[Stored dataset items]

= = = =

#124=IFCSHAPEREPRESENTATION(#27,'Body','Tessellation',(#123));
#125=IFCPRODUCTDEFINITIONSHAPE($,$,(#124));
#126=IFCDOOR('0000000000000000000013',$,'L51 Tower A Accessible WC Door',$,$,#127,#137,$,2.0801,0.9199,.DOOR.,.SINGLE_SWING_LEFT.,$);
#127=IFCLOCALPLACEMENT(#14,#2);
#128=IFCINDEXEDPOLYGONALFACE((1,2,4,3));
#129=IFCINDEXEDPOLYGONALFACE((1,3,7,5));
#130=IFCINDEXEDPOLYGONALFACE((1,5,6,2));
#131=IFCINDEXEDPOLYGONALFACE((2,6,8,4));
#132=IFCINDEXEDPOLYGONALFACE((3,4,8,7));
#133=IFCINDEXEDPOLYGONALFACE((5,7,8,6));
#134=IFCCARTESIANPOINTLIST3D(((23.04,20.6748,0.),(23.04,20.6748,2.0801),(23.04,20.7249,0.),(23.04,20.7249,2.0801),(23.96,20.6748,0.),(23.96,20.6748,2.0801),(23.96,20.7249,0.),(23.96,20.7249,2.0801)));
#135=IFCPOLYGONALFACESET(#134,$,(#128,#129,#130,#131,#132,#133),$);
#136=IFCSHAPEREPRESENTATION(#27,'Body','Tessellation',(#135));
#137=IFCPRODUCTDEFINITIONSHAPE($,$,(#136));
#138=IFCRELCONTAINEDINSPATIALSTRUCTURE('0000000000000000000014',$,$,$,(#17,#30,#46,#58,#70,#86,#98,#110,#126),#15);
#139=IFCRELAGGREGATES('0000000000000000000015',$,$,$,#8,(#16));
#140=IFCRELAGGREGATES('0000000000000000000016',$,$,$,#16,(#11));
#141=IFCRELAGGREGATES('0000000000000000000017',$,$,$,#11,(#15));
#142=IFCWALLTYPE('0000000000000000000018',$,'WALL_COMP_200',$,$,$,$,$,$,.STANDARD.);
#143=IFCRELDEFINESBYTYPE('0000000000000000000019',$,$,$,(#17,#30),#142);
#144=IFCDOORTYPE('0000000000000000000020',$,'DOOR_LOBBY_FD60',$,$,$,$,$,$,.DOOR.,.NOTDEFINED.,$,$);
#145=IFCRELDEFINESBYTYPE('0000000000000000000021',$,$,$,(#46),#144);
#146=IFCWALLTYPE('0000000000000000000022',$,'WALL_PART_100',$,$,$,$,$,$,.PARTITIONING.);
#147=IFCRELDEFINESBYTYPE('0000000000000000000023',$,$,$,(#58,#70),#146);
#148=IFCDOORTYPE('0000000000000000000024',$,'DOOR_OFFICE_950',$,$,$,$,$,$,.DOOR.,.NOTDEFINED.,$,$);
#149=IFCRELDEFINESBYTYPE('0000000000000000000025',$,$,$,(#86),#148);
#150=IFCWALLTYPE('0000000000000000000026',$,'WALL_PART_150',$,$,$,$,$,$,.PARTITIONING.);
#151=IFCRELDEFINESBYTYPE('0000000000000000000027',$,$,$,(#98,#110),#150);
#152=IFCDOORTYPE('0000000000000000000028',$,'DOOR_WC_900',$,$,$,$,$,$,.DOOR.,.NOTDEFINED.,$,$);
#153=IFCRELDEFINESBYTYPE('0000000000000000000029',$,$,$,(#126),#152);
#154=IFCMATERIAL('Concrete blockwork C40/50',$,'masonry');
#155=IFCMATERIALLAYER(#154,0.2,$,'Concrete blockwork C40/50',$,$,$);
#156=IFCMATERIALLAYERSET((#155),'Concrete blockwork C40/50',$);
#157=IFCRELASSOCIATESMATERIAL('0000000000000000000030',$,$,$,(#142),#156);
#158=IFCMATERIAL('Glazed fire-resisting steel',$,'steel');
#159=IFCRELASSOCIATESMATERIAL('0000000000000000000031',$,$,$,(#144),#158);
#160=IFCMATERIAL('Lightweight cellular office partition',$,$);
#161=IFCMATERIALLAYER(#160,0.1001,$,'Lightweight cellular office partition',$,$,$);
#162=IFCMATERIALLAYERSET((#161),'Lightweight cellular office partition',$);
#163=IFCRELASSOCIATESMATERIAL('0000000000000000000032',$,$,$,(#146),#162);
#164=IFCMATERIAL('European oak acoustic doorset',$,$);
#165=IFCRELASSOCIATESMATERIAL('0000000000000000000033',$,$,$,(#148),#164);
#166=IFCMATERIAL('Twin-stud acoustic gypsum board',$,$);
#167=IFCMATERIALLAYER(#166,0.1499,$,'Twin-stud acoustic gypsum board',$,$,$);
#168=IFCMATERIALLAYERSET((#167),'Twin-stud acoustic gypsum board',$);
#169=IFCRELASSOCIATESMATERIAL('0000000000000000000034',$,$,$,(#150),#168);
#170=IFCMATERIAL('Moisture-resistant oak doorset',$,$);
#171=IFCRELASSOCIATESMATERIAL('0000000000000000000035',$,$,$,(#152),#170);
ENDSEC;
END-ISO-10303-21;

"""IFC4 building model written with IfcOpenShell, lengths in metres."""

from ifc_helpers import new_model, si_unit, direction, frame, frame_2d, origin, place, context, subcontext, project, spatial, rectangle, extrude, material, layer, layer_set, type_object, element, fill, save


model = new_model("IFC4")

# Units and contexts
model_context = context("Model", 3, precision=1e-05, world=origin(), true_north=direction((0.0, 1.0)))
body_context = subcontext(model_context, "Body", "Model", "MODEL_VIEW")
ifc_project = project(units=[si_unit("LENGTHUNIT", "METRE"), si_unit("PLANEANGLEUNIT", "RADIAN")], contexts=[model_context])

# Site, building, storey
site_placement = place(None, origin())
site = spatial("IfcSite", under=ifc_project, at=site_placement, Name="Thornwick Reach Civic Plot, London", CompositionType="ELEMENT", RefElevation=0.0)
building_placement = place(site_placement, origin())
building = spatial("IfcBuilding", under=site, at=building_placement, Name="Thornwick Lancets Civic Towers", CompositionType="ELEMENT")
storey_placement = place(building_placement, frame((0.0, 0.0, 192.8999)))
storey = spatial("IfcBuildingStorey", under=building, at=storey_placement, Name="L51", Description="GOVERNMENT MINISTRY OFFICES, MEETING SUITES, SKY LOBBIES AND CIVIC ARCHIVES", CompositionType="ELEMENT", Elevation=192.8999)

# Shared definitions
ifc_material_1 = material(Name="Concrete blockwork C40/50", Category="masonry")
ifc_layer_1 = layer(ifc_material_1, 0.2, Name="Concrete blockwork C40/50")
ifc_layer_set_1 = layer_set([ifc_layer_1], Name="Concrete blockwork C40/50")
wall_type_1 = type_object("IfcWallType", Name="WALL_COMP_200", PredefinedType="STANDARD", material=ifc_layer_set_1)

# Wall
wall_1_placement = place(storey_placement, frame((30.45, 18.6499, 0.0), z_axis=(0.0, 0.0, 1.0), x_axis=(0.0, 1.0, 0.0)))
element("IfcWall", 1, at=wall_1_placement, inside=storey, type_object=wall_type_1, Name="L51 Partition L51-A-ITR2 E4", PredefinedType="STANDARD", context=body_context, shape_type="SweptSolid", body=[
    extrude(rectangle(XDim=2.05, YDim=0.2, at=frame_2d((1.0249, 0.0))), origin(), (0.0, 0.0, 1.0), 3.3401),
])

= = = =

All lines of the data that hold "extrude" need to be copied.

§ **RESULT FOR THIS TASK**:
from ifc_helpers import new_model, si_unit, direction, frame, frame_2d, origin, place, context, subcontext, project, spatial, rectangle, extrude, material, layer, layer_set, type_object, element, fill, save
    extrude(rectangle(XDim=2.05, YDim=0.2, at=frame_2d((1.0249, 0.0))), origin(), (0.0, 0.0, 1.0), 3.3401),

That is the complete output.